Start at the line in the entries below that contains "#148=IFCMATERIALLAYER(#147,0.25,$,$,$,$,$);", stop at the line that contains "# Units and contexts", and output exactly the lines in that span, both ends included.
**** Data for the task
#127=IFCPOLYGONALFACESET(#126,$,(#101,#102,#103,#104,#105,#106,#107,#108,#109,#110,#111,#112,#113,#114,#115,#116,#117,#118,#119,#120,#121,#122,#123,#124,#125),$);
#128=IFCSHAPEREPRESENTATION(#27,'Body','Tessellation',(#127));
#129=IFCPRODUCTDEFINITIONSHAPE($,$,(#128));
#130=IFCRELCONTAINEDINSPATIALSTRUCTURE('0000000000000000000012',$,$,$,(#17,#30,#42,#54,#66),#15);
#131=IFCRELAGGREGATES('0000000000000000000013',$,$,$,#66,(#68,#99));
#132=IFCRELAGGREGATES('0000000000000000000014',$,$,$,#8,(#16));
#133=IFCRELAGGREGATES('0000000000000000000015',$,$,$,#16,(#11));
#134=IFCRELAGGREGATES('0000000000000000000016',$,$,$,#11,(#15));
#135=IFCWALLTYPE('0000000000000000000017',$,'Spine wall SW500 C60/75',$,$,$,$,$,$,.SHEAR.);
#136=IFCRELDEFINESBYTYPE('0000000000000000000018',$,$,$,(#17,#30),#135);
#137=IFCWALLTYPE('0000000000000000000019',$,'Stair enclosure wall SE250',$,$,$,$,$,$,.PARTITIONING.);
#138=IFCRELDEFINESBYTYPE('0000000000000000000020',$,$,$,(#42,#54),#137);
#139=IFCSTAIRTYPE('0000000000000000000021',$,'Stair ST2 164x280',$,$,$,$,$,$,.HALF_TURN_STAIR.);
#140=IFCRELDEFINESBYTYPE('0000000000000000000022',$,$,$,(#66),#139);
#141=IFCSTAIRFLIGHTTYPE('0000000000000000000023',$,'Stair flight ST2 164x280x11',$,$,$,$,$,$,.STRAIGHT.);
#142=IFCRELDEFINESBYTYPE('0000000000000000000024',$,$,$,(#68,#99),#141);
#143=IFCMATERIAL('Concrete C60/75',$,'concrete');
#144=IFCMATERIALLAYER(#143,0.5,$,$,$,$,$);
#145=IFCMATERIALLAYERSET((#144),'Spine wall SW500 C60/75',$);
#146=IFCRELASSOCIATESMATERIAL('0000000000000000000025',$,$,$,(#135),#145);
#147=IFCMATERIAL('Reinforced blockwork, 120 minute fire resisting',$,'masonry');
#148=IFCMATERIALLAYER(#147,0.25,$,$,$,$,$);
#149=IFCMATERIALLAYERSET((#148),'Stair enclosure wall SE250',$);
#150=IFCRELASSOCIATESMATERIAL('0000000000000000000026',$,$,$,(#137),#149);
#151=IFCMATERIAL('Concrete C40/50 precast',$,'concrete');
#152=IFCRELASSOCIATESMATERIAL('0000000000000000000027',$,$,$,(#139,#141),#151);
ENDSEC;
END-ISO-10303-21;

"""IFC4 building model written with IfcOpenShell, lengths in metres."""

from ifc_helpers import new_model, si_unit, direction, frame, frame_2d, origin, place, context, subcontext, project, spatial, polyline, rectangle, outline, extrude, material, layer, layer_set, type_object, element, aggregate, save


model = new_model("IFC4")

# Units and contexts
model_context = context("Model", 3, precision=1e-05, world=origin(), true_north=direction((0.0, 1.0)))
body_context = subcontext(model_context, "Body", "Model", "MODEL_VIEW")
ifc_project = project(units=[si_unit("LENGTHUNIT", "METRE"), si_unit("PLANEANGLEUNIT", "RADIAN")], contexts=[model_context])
********
**** Data for the task
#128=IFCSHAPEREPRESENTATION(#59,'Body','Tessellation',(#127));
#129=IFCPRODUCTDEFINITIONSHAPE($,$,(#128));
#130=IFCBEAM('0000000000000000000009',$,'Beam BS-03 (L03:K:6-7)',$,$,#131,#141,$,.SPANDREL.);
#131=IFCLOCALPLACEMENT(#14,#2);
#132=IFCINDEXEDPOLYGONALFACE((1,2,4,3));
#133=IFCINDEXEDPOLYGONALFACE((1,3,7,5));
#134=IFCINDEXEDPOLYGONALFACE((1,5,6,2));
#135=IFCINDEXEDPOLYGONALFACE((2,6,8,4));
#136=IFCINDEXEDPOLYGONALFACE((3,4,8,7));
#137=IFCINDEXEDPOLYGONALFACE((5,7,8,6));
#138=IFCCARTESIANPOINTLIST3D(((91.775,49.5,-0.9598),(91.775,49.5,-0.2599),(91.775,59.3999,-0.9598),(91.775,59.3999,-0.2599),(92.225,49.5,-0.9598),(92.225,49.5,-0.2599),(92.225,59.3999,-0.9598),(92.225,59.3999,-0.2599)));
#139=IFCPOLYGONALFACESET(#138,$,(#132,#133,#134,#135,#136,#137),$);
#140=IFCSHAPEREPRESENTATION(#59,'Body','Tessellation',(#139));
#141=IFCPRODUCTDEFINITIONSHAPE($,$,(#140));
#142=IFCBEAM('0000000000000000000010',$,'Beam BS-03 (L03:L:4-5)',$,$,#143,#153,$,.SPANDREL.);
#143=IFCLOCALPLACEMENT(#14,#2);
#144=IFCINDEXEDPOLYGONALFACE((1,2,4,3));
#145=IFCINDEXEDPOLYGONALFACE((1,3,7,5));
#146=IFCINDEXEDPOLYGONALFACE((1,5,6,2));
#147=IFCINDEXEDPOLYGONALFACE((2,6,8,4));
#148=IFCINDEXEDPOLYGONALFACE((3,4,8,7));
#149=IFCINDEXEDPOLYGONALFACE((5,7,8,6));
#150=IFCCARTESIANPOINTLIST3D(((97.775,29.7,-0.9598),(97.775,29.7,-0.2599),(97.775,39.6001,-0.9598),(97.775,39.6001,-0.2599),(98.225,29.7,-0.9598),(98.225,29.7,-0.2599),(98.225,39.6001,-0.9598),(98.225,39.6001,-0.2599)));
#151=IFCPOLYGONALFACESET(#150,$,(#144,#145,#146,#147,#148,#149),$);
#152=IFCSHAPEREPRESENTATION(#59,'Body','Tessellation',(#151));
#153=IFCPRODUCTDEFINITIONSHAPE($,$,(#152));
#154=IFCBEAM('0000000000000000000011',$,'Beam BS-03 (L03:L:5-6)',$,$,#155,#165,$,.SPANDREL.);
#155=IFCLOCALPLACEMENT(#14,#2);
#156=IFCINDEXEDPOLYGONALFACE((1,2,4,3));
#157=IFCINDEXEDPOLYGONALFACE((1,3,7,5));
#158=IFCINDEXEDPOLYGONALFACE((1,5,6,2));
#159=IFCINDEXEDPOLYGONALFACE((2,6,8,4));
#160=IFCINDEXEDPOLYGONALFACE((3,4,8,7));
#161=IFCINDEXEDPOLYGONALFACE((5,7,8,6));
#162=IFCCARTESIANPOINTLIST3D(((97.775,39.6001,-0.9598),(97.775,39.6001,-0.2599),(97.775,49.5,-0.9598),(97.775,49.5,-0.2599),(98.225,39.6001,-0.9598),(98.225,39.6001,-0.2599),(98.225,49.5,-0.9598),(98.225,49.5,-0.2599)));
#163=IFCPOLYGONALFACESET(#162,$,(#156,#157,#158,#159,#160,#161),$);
********
> **Written answer**:
#148=IFCMATERIALLAYER(#147,0.25,$,$,$,$,$);
#149=IFCMATERIALLAYERSET((#148),'Stair enclosure wall SE250',$);
#150=IFCRELASSOCIATESMATERIAL('0000000000000000000026',$,$,$,(#137),#149);
#151=IFCMATERIAL('Concrete C40/50 precast',$,'concrete');
#152=IFCRELASSOCIATESMATERIAL('0000000000000000000027',$,$,$,(#139,#141),#151);
ENDSEC;
END-ISO-10303-21;

"""IFC4 building model written with IfcOpenShell, lengths in metres."""

from ifc_helpers import new_model, si_unit, direction, frame, frame_2d, origin, place, context, subcontext, project, spatial, polyline, rectangle, outline, extrude, material, layer, layer_set, type_object, element, aggregate, save


model = new_model("IFC4")

# Units and contexts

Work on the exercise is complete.